Dataset entries
● ● ● ● ● ● ●

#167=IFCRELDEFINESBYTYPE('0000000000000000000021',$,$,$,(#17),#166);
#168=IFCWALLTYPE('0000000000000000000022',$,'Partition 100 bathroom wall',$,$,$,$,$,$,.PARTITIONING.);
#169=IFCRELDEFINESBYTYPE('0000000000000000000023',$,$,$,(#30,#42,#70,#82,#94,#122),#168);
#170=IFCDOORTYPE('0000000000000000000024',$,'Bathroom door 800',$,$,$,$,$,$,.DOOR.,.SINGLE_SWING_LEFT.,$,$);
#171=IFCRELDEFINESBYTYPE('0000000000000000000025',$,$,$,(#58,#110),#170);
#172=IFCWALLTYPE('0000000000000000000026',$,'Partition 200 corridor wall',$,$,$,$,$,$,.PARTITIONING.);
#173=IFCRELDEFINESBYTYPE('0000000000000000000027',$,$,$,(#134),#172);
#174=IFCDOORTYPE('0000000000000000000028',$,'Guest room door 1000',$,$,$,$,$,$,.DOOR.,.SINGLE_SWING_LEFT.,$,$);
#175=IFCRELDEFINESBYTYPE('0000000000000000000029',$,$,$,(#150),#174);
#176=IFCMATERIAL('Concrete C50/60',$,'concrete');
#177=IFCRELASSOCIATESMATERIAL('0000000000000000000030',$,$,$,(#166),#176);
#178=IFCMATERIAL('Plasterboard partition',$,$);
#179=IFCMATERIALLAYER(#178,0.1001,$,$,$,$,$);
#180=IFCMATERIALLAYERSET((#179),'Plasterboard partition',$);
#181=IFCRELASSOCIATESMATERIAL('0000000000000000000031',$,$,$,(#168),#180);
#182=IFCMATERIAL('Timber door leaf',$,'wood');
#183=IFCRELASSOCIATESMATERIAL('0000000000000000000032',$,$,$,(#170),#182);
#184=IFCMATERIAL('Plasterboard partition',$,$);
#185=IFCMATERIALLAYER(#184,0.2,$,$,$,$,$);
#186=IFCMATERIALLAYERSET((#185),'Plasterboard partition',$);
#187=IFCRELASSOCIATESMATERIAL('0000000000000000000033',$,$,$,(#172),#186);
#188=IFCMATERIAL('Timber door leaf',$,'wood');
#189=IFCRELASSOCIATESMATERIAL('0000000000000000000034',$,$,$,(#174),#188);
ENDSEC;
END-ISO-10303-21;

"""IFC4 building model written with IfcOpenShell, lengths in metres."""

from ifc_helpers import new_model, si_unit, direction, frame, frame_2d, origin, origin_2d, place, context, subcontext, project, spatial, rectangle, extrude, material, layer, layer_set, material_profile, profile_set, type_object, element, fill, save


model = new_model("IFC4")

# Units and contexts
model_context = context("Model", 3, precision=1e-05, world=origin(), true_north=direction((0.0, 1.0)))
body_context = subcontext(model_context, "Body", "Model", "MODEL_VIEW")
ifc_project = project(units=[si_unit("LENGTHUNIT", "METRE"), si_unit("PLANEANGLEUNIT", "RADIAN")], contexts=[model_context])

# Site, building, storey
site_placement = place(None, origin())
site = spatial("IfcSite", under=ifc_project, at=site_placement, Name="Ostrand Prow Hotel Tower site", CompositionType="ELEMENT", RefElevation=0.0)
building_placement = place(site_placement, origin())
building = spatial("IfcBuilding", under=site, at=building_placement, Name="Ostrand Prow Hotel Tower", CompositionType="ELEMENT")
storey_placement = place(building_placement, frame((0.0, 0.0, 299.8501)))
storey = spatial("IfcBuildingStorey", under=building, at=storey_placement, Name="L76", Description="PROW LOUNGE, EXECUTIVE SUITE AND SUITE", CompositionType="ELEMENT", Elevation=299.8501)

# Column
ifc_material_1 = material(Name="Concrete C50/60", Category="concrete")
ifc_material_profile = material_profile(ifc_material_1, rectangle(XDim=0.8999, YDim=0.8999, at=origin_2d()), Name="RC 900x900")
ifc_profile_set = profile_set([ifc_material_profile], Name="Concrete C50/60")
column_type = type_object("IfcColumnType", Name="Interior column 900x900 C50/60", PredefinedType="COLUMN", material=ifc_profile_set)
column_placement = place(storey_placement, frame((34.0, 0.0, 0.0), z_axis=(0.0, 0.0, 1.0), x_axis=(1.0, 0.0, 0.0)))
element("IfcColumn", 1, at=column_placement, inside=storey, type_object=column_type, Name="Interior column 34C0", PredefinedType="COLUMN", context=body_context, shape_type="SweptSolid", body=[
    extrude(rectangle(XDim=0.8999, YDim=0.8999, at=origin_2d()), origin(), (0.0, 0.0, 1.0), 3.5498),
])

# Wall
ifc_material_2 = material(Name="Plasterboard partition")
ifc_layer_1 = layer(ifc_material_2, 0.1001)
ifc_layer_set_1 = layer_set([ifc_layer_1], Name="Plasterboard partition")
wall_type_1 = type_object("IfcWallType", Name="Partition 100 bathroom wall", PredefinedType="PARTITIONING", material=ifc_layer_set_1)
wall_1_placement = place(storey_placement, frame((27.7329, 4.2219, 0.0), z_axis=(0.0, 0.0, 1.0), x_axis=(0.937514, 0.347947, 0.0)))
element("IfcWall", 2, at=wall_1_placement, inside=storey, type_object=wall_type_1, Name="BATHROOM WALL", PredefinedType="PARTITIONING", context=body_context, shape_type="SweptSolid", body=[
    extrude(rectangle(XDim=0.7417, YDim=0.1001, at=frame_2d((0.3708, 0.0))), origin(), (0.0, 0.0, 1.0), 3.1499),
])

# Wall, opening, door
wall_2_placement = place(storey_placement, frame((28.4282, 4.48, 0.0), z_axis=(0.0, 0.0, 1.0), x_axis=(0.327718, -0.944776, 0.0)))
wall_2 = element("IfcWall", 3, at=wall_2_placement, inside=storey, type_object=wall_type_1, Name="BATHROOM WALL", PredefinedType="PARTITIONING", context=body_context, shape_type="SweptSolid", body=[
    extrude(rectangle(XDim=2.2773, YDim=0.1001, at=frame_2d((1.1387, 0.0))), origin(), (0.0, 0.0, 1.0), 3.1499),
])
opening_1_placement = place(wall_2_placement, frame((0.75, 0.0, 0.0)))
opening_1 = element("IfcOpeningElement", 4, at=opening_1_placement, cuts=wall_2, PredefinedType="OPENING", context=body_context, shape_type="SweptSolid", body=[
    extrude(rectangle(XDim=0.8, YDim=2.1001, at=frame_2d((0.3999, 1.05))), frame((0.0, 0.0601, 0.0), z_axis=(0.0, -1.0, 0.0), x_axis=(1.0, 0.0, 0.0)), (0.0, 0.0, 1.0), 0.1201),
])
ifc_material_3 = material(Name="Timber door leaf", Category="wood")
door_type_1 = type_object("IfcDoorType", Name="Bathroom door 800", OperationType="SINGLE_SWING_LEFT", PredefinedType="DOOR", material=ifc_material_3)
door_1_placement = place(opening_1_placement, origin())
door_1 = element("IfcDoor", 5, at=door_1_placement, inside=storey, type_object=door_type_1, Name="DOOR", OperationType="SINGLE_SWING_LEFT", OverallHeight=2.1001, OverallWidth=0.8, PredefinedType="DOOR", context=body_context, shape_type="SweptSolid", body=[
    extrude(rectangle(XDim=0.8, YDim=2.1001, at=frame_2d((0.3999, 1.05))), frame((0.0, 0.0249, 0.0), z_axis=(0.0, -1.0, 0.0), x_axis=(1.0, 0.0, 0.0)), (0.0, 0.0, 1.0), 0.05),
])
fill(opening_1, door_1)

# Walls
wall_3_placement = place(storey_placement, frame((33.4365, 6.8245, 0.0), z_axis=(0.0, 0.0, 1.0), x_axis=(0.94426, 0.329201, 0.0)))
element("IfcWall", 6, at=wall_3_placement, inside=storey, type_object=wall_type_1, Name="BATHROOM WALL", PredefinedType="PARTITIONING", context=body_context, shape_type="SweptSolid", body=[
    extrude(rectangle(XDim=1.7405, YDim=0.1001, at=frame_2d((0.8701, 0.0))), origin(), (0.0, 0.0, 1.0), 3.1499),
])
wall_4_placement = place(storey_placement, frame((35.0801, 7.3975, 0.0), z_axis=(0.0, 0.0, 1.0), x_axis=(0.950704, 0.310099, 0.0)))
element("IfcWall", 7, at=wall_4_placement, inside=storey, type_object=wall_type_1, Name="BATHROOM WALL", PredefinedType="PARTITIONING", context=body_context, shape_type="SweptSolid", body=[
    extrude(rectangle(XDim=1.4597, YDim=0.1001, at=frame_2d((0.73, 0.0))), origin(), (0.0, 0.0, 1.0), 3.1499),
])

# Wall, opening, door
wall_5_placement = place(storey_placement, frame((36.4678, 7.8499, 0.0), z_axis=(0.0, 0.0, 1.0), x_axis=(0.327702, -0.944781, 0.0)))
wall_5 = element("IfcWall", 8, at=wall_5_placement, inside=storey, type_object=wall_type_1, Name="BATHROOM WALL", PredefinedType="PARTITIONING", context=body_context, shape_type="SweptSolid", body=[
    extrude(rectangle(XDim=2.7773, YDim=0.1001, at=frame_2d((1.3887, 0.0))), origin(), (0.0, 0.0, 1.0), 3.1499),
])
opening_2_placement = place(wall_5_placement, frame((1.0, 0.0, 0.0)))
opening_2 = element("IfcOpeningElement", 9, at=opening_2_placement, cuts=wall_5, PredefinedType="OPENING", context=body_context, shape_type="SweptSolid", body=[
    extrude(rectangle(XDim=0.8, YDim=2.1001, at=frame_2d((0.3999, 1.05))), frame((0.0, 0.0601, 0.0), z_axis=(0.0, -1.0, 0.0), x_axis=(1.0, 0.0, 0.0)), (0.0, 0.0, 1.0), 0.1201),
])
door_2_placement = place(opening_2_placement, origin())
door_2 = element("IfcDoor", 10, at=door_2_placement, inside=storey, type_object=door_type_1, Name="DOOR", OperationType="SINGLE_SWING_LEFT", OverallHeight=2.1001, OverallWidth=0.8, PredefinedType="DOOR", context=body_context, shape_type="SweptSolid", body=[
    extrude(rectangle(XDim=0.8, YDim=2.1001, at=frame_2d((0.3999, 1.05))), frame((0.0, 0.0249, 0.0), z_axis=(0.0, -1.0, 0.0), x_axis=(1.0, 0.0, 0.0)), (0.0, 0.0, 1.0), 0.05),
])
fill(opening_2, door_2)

● ● ● ● ● ● ●

* [Exercise instructions] Copy all lines of the preceding data that hold the word "direction".

* [Answer for the task]
from ifc_helpers import new_model, si_unit, direction, frame, frame_2d, origin, origin_2d, place, context, subcontext, project, spatial, rectangle, extrude, material, layer, layer_set, material_profile, profile_set, type_object, element, fill, save
model_context = context("Model", 3, precision=1e-05, world=origin(), true_north=direction((0.0, 1.0)))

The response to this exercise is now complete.